_EXERCISE INPUT_:
== Segment start ==
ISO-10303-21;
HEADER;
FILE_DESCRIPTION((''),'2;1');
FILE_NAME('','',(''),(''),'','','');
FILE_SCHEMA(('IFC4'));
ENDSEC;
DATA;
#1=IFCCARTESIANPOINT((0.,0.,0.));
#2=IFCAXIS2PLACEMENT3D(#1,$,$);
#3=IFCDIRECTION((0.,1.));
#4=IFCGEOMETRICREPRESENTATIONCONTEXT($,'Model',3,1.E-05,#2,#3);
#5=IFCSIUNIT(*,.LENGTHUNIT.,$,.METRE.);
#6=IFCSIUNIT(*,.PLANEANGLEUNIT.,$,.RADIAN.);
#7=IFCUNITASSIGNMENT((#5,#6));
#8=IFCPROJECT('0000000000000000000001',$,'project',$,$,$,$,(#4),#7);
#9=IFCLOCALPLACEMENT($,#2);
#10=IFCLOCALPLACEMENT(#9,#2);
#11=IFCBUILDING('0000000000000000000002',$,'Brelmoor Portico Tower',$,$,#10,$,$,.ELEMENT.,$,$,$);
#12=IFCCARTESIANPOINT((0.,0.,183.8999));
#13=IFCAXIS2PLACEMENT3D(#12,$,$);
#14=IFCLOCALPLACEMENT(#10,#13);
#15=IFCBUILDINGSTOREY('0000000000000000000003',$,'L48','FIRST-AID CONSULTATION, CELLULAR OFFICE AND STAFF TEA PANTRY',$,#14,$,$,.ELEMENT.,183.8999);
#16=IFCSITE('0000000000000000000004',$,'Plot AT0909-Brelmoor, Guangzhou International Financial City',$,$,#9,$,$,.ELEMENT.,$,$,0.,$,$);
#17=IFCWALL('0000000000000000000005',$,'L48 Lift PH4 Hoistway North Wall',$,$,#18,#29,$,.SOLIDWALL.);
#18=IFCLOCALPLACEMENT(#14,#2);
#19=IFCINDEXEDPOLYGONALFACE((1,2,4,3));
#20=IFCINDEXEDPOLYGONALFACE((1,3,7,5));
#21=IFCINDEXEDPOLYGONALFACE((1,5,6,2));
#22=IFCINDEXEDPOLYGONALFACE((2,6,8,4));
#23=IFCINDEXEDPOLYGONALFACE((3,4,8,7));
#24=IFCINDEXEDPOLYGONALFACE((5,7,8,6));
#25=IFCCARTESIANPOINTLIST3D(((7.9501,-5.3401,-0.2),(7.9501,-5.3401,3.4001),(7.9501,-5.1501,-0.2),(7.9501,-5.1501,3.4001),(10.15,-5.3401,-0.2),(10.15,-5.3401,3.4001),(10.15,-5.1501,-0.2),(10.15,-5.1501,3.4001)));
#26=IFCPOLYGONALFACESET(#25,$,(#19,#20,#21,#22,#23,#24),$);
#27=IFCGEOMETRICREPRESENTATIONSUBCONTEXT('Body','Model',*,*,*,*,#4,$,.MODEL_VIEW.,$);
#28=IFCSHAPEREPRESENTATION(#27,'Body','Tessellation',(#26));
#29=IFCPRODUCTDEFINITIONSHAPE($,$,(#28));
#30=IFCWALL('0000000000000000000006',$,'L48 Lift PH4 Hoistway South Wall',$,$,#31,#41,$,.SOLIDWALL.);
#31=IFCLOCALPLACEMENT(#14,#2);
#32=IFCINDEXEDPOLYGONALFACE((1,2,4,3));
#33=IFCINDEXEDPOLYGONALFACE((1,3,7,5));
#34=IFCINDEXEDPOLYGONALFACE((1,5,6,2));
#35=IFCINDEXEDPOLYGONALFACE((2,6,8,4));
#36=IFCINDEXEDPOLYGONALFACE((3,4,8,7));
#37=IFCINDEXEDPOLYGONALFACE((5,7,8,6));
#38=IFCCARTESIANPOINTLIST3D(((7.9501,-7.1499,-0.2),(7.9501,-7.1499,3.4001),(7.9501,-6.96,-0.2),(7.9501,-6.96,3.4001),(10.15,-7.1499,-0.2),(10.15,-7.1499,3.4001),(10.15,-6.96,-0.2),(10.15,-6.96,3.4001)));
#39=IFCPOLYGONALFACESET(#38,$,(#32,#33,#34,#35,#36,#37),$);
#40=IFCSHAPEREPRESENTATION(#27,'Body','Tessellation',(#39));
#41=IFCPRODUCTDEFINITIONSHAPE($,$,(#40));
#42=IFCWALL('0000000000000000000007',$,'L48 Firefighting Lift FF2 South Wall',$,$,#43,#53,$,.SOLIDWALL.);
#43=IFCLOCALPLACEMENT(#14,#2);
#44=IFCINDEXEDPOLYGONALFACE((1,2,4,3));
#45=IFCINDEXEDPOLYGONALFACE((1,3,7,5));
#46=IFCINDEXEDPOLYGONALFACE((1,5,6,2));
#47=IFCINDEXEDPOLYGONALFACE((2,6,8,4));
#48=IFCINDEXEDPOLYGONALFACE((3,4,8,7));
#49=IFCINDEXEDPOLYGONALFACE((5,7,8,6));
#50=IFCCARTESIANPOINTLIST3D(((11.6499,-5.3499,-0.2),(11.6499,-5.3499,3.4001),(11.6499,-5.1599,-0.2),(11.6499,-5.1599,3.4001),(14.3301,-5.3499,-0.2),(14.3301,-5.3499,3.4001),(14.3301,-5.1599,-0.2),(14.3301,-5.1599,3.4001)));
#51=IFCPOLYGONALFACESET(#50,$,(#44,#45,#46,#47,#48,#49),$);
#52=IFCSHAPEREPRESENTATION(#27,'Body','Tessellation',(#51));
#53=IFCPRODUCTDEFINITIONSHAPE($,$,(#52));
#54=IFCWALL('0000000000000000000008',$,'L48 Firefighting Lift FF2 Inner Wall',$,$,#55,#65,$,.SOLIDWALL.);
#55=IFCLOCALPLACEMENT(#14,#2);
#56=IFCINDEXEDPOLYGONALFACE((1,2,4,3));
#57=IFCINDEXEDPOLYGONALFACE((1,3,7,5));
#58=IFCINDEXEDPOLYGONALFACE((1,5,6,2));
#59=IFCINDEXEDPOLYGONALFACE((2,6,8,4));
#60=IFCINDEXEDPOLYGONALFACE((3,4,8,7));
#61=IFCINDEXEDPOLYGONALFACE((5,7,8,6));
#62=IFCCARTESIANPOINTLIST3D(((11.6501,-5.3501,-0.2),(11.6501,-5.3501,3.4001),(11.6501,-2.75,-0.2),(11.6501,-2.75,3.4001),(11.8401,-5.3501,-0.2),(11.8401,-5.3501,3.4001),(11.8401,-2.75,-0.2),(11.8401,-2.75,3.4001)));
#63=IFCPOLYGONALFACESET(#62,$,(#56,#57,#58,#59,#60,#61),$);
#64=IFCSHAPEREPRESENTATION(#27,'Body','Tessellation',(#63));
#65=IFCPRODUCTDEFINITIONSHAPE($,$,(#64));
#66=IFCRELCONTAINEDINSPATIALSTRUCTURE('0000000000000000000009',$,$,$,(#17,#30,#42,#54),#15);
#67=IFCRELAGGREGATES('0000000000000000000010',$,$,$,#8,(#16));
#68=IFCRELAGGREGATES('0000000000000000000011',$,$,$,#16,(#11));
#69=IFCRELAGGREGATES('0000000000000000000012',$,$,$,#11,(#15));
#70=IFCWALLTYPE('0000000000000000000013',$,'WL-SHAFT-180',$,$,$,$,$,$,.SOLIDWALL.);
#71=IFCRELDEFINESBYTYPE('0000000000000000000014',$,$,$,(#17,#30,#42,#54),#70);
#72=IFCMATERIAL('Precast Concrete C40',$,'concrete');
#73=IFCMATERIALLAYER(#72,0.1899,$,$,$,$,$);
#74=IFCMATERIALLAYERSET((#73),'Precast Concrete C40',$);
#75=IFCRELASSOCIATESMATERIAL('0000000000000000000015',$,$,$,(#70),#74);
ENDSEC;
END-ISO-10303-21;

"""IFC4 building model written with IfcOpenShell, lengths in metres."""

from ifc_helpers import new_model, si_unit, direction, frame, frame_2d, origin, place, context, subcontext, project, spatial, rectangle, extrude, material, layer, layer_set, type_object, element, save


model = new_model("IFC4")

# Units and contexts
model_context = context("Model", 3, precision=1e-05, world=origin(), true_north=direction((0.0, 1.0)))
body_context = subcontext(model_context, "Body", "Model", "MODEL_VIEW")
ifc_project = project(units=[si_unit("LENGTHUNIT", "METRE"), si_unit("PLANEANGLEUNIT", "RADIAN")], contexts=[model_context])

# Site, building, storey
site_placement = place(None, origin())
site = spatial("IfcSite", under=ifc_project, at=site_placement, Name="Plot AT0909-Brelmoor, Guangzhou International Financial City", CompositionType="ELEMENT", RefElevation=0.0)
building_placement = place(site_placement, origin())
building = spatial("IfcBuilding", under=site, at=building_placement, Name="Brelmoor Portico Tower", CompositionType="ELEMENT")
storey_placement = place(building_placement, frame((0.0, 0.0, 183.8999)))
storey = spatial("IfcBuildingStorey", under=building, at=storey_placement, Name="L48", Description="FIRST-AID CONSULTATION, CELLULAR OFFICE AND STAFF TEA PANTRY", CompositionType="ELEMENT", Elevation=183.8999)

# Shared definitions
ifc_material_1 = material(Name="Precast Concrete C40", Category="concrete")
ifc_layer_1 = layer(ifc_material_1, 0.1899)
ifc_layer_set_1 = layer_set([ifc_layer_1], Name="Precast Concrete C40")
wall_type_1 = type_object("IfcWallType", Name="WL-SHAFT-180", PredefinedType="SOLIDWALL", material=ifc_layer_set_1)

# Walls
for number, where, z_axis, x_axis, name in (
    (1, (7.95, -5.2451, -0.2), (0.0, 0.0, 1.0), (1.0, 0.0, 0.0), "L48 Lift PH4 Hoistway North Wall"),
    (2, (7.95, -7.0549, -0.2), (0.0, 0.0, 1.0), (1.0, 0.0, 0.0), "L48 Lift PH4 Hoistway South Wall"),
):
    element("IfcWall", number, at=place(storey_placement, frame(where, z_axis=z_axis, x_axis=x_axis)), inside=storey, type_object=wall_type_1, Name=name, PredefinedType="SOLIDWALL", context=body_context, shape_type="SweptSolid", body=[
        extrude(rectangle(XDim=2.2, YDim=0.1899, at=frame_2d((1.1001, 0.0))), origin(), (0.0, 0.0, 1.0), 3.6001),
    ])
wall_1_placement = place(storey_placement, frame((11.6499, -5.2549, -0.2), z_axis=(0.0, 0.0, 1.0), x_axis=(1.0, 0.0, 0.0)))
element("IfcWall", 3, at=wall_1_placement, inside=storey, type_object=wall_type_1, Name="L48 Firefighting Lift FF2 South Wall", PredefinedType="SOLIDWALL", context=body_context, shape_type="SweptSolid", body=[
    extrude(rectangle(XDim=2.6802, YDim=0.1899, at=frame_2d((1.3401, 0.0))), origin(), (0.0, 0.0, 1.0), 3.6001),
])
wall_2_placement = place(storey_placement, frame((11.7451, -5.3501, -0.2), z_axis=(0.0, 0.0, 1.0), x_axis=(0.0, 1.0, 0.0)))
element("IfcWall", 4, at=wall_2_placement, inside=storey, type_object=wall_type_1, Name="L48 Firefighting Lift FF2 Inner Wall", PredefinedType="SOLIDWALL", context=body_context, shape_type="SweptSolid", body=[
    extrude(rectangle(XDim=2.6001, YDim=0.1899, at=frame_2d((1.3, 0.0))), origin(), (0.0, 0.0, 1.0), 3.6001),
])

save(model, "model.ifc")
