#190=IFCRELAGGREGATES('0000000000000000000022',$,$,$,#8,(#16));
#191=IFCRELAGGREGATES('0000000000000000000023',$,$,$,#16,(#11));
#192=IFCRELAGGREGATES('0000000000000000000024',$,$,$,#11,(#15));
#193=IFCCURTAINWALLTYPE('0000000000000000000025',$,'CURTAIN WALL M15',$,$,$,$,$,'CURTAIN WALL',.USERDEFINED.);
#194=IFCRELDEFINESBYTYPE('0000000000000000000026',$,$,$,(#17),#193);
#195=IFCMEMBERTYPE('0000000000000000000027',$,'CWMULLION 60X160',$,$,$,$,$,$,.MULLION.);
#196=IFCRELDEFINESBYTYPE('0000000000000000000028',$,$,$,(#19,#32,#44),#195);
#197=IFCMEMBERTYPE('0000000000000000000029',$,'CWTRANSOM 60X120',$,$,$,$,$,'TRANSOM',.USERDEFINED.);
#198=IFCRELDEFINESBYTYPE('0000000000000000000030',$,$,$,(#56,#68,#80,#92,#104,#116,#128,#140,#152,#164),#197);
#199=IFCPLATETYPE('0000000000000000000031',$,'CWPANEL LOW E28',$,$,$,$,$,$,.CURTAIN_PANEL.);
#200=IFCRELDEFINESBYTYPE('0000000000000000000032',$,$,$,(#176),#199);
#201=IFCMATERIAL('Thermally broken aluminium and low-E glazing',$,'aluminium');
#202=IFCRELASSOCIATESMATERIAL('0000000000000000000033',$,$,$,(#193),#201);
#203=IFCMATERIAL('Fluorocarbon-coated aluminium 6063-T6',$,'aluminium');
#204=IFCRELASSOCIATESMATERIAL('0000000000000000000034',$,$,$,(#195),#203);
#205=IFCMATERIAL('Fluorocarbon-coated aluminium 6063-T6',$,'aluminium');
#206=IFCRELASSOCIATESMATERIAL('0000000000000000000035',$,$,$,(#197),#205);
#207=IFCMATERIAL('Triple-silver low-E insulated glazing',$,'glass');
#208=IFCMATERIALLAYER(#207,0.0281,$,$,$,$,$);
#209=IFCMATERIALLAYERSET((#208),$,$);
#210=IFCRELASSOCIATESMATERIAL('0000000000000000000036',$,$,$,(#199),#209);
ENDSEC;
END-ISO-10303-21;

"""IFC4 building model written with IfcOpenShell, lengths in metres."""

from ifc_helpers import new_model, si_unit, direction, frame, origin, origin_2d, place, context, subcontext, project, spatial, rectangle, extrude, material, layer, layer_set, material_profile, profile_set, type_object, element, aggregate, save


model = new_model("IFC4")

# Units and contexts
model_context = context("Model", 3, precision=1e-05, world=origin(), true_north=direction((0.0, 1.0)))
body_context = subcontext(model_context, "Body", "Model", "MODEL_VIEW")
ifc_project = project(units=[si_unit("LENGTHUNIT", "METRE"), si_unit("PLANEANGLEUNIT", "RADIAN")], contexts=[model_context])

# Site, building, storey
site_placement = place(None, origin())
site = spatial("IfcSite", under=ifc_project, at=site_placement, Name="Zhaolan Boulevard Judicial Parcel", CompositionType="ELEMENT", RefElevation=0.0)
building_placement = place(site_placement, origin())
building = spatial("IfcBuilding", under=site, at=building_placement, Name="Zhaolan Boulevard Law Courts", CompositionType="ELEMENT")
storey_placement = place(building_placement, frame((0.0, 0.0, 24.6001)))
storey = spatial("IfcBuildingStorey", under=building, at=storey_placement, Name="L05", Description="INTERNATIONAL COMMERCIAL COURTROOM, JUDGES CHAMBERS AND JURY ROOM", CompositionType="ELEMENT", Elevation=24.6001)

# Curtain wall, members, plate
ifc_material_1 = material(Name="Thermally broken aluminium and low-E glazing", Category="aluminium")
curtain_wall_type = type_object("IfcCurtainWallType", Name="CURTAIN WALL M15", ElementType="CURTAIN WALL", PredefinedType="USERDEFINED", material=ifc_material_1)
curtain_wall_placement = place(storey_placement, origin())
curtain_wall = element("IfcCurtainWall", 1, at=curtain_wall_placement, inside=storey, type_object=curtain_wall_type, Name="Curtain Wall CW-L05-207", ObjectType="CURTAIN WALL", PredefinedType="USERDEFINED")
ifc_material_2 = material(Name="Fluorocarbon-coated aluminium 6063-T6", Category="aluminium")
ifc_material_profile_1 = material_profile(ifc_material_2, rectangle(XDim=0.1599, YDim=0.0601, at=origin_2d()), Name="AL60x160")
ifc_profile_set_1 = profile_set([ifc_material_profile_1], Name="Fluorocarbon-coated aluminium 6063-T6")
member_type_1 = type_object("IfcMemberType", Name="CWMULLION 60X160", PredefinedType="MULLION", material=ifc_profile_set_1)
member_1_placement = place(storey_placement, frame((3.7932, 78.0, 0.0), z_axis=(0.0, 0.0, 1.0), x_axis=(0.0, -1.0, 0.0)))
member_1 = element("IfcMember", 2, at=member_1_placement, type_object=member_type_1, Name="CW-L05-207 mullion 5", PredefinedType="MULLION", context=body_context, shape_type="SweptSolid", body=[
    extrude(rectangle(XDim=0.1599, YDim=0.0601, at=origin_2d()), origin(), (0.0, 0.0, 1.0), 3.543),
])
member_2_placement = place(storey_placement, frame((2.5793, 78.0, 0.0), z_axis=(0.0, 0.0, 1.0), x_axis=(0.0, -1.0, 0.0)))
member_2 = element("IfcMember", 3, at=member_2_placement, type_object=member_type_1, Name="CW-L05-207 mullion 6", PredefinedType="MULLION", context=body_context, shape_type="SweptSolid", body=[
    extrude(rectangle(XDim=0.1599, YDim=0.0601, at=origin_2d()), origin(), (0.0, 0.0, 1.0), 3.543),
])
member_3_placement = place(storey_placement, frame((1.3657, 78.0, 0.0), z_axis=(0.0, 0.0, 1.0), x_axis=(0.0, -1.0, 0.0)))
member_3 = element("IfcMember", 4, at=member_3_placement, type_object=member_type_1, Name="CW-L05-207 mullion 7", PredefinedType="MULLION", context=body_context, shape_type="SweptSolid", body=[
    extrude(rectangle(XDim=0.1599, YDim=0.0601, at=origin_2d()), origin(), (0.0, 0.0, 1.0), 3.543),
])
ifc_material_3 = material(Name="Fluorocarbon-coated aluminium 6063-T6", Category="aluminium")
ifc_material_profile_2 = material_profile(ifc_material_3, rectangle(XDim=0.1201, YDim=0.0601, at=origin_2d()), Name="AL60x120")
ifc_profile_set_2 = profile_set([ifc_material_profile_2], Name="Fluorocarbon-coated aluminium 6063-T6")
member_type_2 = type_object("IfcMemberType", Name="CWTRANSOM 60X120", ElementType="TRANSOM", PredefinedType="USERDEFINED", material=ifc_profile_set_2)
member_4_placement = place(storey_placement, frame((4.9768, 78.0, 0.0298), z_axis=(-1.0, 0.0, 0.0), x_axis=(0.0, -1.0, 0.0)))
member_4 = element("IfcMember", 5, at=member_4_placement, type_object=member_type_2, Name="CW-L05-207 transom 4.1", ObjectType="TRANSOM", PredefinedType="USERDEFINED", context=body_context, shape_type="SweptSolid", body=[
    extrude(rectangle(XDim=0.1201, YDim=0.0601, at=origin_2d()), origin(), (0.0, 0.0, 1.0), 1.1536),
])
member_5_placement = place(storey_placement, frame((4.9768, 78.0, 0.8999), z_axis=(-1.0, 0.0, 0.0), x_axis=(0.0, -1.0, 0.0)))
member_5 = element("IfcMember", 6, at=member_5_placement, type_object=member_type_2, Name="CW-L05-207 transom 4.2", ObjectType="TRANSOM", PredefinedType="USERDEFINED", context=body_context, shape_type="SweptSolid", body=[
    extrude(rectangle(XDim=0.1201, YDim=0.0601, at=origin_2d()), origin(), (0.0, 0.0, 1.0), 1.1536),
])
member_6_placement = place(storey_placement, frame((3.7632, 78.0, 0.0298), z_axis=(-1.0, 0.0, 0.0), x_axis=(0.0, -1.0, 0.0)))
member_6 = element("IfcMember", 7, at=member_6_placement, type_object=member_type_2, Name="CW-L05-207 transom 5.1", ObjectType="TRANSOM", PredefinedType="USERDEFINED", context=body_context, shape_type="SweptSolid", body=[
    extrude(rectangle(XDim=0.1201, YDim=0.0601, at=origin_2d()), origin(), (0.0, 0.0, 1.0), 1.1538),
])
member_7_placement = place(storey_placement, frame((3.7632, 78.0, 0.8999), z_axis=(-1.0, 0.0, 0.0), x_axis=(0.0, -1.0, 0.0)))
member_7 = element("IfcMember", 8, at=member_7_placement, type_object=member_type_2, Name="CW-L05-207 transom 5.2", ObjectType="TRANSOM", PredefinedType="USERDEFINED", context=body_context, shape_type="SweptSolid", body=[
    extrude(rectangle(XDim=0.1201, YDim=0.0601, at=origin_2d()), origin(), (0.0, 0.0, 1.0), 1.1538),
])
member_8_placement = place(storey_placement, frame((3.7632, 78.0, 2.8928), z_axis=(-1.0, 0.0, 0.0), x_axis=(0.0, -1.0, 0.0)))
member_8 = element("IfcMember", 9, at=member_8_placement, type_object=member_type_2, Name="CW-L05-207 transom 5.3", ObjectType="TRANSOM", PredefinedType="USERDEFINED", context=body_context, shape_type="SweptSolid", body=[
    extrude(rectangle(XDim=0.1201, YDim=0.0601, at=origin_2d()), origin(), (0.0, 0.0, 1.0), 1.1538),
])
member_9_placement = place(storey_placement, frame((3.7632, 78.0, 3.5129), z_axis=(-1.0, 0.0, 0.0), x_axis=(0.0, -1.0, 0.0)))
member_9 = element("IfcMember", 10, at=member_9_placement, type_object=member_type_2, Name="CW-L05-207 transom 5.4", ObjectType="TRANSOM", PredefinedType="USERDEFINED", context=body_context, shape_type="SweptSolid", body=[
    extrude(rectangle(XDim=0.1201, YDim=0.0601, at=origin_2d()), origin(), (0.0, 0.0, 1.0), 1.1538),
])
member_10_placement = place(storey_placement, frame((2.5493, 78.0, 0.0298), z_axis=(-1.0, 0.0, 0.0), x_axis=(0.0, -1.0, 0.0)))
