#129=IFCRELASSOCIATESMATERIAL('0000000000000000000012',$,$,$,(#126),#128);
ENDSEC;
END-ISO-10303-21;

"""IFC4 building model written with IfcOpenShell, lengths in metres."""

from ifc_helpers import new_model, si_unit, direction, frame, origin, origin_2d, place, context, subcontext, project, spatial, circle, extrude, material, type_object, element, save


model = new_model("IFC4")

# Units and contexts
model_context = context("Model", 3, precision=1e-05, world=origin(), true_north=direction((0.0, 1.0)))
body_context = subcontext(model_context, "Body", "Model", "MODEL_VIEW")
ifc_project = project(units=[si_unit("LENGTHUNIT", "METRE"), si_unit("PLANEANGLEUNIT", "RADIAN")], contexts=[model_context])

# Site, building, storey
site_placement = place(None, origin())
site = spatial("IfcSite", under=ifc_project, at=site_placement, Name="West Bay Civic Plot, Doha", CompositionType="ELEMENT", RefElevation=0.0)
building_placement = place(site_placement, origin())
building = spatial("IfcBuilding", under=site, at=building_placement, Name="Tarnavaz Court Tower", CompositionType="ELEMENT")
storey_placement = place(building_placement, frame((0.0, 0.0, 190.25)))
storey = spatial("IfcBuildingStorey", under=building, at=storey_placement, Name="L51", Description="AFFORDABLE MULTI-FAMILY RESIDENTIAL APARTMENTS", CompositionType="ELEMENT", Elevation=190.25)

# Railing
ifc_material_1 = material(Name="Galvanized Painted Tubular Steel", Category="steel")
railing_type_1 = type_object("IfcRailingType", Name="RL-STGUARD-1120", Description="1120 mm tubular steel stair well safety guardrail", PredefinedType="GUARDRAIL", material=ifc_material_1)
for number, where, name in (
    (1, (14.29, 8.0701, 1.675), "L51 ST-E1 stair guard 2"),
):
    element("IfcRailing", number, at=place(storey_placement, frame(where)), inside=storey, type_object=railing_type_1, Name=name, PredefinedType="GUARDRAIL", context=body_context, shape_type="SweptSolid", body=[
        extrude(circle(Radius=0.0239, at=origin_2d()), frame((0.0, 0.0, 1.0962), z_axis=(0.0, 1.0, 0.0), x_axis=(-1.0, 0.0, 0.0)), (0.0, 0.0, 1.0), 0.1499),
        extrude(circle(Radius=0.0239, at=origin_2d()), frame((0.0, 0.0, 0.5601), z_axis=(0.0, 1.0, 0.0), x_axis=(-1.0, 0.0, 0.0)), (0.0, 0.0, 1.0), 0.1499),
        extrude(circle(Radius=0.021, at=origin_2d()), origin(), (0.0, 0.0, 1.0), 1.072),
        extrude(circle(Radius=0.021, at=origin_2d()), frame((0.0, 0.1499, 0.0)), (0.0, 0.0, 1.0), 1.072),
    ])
== Segment end ==
_PROBLEM TO WORK ON_:
Determine how many lines of the data above contain the string "CWTRANSOM", and give the result with nothing else.

_ANSWER TO THE PROBLEM_:
2